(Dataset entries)
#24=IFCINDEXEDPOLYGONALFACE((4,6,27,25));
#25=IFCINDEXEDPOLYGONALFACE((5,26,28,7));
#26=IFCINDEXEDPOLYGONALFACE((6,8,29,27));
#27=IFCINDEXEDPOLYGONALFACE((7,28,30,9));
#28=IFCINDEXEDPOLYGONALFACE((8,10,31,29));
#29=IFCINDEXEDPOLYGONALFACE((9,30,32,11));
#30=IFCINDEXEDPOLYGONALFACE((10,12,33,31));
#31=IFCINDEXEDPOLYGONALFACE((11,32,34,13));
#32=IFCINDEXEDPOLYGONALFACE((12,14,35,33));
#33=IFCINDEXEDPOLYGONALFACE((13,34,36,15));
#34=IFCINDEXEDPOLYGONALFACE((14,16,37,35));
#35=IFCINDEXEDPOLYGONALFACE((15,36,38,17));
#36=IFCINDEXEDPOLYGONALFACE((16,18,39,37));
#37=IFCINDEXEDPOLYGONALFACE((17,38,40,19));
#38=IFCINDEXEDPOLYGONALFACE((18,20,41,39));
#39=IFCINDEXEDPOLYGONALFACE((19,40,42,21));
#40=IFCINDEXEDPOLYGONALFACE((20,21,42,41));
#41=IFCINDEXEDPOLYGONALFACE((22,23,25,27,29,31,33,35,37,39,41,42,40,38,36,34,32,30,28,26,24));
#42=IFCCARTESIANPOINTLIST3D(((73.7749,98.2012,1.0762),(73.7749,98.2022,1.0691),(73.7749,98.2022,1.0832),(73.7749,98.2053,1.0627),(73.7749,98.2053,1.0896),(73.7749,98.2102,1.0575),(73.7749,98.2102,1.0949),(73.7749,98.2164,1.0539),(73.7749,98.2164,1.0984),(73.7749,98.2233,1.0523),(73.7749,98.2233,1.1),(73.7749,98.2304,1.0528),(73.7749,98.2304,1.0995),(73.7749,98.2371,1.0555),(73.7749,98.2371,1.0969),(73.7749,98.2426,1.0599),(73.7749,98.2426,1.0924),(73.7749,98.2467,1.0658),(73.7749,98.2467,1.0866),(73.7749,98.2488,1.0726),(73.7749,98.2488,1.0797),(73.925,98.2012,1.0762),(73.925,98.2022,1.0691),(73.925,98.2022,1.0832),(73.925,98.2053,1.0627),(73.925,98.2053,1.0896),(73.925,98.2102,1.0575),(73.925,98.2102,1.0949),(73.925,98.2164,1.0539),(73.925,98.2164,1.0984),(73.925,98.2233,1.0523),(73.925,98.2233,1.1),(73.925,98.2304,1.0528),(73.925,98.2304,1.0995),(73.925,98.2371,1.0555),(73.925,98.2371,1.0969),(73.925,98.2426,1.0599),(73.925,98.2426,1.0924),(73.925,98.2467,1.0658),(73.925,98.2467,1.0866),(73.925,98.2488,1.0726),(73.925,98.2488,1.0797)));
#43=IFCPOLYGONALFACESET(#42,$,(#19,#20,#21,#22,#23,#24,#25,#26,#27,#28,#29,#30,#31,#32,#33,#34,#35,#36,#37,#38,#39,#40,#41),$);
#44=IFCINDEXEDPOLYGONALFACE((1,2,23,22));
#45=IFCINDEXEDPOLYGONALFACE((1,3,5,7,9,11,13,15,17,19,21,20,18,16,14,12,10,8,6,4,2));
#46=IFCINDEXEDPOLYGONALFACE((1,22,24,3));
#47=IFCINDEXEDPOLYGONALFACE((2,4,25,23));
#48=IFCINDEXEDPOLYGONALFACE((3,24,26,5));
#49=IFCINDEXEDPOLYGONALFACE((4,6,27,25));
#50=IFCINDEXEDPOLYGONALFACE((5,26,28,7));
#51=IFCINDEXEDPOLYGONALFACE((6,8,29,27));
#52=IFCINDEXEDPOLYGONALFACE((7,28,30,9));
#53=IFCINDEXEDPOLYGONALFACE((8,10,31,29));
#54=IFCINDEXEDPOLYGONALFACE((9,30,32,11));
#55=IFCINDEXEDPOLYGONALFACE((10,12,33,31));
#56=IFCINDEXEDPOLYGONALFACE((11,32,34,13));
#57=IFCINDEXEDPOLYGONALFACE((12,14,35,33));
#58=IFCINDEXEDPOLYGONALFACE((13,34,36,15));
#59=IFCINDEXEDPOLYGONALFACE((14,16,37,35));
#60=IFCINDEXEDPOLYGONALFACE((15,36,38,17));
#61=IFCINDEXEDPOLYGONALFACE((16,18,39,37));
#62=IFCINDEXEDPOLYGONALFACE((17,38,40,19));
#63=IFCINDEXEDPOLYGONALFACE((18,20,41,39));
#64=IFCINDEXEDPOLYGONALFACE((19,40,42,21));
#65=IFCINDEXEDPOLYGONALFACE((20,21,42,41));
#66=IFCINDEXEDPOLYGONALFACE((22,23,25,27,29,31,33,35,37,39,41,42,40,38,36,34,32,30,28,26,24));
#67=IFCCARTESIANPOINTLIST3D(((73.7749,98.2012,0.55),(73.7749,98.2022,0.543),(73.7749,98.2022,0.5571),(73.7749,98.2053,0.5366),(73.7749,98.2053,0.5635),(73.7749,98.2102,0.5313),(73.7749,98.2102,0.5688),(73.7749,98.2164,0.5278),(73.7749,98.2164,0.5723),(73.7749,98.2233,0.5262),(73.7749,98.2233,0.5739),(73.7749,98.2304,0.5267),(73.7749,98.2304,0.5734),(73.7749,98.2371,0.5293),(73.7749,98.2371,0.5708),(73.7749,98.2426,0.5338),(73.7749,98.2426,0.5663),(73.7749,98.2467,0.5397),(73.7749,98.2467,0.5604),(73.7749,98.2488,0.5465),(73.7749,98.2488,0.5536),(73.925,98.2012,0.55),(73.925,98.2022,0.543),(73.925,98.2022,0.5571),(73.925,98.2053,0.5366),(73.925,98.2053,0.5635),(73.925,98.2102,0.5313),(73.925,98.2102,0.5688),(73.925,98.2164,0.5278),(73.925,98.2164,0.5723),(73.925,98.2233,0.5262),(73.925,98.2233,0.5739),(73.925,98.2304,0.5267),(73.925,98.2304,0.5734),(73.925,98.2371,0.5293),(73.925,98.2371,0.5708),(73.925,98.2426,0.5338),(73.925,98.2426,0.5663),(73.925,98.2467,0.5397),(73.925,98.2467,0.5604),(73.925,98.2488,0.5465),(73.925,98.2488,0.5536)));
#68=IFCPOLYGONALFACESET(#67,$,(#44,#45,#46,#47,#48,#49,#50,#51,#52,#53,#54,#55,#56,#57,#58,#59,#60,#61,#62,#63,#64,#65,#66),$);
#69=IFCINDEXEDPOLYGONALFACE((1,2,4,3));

-- PROBLEM TO WORK ON --
The lines above that hold the string "IFCPOLYGONALFACESET" are to be located and copied.

-- REPLY TO THE TASK --
#43=IFCPOLYGONALFACESET(#42,$,(#19,#20,#21,#22,#23,#24,#25,#26,#27,#28,#29,#30,#31,#32,#33,#34,#35,#36,#37,#38,#39,#40,#41),$);
#68=IFCPOLYGONALFACESET(#67,$,(#44,#45,#46,#47,#48,#49,#50,#51,#52,#53,#54,#55,#56,#57,#58,#59,#60,#61,#62,#63,#64,#65,#66),$);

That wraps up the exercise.